Exercise objective:
Could you copy, exactly as written, every line from the first line of the records through the one containing "tie beam 550x850',$,$,$,$,$,.FOOTING_BEAM.);"?

Data records:
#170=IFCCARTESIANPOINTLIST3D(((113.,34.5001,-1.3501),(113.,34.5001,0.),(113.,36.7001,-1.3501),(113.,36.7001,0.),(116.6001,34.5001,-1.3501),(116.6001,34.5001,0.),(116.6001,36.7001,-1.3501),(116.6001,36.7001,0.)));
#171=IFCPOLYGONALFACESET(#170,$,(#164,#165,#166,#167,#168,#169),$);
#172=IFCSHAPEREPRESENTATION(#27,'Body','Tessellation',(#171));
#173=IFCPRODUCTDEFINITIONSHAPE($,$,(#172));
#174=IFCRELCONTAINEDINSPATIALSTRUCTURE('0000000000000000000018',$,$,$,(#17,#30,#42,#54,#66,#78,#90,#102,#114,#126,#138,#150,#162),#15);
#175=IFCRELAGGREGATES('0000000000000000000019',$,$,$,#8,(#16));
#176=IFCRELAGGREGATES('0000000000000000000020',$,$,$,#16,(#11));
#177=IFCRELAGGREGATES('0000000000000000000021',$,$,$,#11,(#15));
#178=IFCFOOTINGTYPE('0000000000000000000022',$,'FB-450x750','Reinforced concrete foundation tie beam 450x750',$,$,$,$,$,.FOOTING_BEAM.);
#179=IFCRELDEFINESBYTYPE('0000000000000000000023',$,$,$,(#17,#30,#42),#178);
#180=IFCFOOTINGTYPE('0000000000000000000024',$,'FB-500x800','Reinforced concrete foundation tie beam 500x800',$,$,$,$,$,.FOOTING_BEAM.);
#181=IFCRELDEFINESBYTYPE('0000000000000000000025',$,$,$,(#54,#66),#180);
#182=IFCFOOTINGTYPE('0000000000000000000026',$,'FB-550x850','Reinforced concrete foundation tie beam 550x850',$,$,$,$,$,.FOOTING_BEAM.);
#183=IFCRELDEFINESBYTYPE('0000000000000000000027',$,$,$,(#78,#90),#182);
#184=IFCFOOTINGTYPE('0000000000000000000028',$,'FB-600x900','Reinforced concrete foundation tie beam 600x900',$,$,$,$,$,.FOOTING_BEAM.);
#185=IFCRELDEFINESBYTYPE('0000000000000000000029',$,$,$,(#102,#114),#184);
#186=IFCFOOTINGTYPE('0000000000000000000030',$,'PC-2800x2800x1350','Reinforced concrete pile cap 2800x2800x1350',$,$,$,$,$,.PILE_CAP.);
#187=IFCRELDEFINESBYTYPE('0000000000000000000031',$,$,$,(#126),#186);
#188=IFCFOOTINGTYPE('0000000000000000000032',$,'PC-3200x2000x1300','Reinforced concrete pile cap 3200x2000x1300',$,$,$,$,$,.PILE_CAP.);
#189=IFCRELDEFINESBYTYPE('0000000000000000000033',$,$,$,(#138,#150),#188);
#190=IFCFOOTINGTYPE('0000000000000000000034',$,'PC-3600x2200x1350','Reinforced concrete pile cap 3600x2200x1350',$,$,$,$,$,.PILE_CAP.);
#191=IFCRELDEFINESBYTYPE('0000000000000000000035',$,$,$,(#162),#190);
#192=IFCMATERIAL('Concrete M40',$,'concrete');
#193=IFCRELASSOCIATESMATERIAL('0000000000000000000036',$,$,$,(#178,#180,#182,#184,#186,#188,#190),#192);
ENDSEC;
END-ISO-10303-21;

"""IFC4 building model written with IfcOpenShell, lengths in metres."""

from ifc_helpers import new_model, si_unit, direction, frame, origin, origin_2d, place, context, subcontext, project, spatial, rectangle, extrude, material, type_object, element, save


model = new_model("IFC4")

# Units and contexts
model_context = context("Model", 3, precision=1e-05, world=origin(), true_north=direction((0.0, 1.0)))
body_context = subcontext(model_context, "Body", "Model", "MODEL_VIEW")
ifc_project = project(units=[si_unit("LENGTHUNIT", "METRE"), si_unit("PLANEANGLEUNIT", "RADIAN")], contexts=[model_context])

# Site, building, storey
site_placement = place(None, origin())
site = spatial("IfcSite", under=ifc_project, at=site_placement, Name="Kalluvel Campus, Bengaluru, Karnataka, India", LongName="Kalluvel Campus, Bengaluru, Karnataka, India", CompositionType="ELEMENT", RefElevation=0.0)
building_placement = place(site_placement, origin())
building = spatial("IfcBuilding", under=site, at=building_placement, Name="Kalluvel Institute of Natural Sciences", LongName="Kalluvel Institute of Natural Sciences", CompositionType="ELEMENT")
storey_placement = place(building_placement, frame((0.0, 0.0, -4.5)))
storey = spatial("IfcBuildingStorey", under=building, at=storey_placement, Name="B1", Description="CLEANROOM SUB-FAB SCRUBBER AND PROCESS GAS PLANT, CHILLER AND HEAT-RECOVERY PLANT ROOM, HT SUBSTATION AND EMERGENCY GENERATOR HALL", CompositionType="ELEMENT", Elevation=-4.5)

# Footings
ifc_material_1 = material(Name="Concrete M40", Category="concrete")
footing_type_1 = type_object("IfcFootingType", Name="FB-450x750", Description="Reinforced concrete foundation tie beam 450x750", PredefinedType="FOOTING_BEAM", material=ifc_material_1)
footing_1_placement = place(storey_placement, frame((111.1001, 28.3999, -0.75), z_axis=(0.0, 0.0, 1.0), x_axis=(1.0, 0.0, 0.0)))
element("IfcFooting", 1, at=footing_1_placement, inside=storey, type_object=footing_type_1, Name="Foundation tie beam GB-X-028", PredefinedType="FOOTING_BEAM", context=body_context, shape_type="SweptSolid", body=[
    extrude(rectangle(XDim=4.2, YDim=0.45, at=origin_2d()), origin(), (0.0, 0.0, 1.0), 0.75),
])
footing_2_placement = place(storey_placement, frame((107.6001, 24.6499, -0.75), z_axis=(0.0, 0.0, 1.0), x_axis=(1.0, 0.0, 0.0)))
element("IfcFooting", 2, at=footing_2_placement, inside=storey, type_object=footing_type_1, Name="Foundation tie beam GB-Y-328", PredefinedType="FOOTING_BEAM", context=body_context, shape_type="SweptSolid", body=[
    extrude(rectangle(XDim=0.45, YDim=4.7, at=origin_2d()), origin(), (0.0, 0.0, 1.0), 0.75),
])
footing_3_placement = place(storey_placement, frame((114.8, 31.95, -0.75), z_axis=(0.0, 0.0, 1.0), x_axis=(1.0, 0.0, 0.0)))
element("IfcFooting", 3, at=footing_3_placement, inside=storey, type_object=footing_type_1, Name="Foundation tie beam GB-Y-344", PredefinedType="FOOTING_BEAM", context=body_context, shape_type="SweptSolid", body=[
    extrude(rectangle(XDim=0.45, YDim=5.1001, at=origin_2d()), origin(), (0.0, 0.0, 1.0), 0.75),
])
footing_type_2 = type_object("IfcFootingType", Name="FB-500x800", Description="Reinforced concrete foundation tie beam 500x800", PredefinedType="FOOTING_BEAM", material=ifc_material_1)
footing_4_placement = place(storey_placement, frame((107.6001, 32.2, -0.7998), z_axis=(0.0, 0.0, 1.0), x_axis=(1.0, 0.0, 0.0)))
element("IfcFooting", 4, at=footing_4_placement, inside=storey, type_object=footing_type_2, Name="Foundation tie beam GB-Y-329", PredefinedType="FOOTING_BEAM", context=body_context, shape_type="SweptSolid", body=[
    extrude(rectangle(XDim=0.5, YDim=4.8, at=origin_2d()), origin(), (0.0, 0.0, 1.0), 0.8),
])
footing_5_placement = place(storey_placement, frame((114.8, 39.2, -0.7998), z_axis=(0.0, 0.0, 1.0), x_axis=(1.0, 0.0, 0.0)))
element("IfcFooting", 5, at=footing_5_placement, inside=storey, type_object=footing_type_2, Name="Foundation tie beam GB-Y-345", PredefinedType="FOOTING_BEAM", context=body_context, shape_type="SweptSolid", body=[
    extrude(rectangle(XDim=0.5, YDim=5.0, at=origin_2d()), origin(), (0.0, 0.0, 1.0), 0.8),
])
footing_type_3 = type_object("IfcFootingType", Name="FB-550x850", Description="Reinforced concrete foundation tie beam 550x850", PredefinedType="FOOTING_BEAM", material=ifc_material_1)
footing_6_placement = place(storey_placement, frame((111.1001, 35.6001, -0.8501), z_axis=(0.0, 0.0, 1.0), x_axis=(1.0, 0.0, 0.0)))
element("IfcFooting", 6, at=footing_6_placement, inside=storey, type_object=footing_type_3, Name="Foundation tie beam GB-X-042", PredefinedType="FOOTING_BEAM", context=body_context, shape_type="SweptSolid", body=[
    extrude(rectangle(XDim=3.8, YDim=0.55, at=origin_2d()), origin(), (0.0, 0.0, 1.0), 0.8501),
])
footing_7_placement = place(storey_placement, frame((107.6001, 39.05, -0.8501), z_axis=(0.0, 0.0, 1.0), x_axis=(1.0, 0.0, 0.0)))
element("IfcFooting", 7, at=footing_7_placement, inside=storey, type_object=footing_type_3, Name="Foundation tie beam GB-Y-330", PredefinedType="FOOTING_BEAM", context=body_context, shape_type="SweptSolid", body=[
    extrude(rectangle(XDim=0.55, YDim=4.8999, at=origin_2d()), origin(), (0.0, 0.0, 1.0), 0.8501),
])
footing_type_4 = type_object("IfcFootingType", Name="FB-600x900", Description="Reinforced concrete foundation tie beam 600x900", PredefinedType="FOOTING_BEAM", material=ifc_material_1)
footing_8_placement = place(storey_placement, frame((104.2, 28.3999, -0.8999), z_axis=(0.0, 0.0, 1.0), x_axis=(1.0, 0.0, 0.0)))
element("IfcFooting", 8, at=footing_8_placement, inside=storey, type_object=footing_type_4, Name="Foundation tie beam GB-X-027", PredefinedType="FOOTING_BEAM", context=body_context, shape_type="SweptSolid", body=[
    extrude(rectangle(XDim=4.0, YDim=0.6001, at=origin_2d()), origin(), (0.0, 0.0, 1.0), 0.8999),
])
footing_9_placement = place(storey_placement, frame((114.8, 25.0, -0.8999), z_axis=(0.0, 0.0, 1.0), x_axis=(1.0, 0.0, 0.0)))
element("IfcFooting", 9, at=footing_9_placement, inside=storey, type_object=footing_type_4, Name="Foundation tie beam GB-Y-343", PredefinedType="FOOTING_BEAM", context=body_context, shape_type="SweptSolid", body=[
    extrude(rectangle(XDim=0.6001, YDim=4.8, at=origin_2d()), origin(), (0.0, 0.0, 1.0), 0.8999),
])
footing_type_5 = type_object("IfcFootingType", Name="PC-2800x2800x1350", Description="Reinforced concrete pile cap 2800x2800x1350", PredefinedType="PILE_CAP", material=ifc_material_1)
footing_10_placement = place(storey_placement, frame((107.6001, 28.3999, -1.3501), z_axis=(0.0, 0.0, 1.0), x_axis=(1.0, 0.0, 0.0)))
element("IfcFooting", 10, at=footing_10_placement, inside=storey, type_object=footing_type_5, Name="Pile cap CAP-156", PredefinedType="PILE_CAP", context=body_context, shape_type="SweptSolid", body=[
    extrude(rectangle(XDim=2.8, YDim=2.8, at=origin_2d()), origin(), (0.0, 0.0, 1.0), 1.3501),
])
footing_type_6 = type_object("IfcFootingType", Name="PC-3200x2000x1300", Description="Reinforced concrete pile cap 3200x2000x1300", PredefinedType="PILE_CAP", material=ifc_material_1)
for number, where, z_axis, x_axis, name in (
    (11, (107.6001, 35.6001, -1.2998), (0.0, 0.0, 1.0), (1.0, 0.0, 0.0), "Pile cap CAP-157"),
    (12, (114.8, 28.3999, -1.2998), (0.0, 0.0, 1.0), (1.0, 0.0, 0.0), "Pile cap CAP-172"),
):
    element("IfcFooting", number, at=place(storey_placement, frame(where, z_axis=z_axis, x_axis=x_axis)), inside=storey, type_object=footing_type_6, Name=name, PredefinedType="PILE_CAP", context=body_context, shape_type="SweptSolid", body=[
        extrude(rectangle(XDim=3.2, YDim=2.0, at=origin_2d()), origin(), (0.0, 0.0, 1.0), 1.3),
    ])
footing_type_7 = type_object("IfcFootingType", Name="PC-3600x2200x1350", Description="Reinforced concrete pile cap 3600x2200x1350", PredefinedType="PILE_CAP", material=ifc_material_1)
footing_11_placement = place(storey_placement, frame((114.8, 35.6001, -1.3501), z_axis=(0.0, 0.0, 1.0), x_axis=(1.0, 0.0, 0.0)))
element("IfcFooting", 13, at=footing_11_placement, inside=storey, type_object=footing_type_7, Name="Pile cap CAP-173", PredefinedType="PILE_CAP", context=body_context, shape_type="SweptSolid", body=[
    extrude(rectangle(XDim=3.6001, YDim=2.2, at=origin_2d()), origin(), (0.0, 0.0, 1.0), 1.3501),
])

Task result:
#170=IFCCARTESIANPOINTLIST3D(((113.,34.5001,-1.3501),(113.,34.5001,0.),(113.,36.7001,-1.3501),(113.,36.7001,0.),(116.6001,34.5001,-1.3501),(116.6001,34.5001,0.),(116.6001,36.7001,-1.3501),(116.6001,36.7001,0.)));
#171=IFCPOLYGONALFACESET(#170,$,(#164,#165,#166,#167,#168,#169),$);
#172=IFCSHAPEREPRESENTATION(#27,'Body','Tessellation',(#171));
#173=IFCPRODUCTDEFINITIONSHAPE($,$,(#172));
#174=IFCRELCONTAINEDINSPATIALSTRUCTURE('0000000000000000000018',$,$,$,(#17,#30,#42,#54,#66,#78,#90,#102,#114,#126,#138,#150,#162),#15);
#175=IFCRELAGGREGATES('0000000000000000000019',$,$,$,#8,(#16));
#176=IFCRELAGGREGATES('0000000000000000000020',$,$,$,#16,(#11));
#177=IFCRELAGGREGATES('0000000000000000000021',$,$,$,#11,(#15));
#178=IFCFOOTINGTYPE('0000000000000000000022',$,'FB-450x750','Reinforced concrete foundation tie beam 450x750',$,$,$,$,$,.FOOTING_BEAM.);
#179=IFCRELDEFINESBYTYPE('0000000000000000000023',$,$,$,(#17,#30,#42),#178);
#180=IFCFOOTINGTYPE('0000000000000000000024',$,'FB-500x800','Reinforced concrete foundation tie beam 500x800',$,$,$,$,$,.FOOTING_BEAM.);
#181=IFCRELDEFINESBYTYPE('0000000000000000000025',$,$,$,(#54,#66),#180);
#182=IFCFOOTINGTYPE('0000000000000000000026',$,'FB-550x850','Reinforced concrete foundation tie beam 550x850',$,$,$,$,$,.FOOTING_BEAM.);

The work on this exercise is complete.